[HOW TO COMPLETE THIS TASK]:
Within the data that follows, set down exactly the lines from the one containing "#73=IFCINDEXEDPOLYGONALFACE((1,5,6,2));" through the one containing "#78=IFCPOLYGONALFACESET(#77,$,(#71,#72,#73,#74,#75,#76),$);", both ends included.

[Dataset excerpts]

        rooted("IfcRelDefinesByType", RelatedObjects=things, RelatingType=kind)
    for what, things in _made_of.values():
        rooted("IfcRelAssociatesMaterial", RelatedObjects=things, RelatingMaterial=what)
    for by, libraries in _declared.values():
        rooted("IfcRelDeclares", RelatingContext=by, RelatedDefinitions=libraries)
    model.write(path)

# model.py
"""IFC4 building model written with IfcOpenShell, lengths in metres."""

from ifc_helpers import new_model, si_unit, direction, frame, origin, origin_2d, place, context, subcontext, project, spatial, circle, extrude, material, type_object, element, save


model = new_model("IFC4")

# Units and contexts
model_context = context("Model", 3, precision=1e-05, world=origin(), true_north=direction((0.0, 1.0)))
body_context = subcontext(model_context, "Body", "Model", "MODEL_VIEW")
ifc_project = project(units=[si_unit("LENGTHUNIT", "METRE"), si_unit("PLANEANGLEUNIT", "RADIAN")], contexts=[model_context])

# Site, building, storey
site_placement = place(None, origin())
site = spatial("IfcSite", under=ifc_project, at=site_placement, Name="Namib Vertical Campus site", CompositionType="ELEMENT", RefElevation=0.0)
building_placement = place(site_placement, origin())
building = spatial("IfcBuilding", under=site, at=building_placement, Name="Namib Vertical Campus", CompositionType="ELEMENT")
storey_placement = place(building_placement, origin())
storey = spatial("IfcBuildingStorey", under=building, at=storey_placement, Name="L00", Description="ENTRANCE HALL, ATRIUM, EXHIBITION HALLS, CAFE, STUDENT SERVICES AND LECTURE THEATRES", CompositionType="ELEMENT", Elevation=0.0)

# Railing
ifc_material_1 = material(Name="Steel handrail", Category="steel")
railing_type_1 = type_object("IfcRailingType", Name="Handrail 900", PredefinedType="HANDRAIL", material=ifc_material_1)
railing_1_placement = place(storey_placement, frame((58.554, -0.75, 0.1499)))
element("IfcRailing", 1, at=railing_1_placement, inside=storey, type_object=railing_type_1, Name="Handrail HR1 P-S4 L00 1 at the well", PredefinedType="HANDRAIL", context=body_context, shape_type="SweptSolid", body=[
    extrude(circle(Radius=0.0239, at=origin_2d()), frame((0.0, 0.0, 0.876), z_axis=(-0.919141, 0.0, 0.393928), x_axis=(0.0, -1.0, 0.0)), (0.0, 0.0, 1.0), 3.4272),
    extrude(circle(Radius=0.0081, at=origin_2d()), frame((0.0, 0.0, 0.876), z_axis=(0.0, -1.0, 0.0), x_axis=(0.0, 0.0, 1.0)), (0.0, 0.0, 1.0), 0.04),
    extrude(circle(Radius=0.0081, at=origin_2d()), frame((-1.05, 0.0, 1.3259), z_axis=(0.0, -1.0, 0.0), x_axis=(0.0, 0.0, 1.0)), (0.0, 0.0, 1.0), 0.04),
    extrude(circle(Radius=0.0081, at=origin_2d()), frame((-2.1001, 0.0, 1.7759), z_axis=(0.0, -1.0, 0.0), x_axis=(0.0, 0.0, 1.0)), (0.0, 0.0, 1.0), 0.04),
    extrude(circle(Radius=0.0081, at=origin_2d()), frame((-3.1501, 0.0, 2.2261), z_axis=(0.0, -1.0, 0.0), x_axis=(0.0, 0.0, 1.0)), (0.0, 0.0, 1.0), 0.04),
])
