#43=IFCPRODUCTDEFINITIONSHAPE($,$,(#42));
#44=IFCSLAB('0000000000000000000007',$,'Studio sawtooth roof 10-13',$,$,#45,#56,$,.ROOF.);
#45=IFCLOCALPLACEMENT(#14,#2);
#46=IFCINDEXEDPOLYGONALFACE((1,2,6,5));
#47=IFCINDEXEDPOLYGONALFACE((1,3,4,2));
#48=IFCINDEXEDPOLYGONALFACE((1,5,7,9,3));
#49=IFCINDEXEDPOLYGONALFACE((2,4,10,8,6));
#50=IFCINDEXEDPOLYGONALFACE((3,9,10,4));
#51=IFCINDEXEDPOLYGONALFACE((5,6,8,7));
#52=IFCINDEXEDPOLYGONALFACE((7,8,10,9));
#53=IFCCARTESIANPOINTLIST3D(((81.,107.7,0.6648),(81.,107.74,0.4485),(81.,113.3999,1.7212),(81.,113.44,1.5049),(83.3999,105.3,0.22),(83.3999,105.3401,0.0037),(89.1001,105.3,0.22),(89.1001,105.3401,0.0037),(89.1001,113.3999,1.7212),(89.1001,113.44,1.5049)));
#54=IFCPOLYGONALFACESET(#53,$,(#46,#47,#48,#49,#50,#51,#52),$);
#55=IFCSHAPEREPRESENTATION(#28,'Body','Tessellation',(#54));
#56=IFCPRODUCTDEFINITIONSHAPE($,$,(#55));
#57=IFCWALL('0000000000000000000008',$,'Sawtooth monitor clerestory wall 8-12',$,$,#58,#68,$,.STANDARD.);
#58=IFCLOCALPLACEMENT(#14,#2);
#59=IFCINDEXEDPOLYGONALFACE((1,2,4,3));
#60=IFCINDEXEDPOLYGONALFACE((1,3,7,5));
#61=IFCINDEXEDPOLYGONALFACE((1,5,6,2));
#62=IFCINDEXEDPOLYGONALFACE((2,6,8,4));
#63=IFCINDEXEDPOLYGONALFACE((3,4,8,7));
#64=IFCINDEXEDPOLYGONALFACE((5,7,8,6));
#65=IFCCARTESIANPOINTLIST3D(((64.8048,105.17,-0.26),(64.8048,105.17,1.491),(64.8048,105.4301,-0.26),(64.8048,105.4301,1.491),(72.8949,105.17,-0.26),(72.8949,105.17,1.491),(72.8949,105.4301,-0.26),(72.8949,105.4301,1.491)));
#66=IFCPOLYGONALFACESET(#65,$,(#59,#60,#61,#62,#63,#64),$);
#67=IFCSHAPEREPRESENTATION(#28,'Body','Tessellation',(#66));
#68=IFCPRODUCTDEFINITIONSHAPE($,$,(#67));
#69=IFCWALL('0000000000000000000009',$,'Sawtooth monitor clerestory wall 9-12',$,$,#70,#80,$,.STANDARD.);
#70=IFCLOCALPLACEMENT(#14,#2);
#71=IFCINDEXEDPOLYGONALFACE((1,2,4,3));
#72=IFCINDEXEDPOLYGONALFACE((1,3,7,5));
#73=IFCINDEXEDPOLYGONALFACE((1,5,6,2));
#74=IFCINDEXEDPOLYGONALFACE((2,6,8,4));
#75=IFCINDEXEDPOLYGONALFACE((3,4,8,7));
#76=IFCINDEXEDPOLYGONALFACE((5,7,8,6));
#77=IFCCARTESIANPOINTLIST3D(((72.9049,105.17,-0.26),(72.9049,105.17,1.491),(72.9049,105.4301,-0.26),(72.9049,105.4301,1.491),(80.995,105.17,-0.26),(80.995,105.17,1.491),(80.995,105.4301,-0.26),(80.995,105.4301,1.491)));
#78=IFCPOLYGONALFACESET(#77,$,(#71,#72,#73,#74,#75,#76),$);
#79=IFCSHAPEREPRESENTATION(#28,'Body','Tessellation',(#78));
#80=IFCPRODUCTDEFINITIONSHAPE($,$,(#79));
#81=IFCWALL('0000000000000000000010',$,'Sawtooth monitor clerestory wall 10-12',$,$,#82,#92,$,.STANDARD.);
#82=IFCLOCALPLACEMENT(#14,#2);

[OUTPUT OF THE EXERCISE]:
#73=IFCINDEXEDPOLYGONALFACE((1,5,6,2));
#74=IFCINDEXEDPOLYGONALFACE((2,6,8,4));
#75=IFCINDEXEDPOLYGONALFACE((3,4,8,7));
#76=IFCINDEXEDPOLYGONALFACE((5,7,8,6));
#77=IFCCARTESIANPOINTLIST3D(((72.9049,105.17,-0.26),(72.9049,105.17,1.491),(72.9049,105.4301,-0.26),(72.9049,105.4301,1.491),(80.995,105.17,-0.26),(80.995,105.17,1.491),(80.995,105.4301,-0.26),(80.995,105.4301,1.491)));
#78=IFCPOLYGONALFACESET(#77,$,(#71,#72,#73,#74,#75,#76),$);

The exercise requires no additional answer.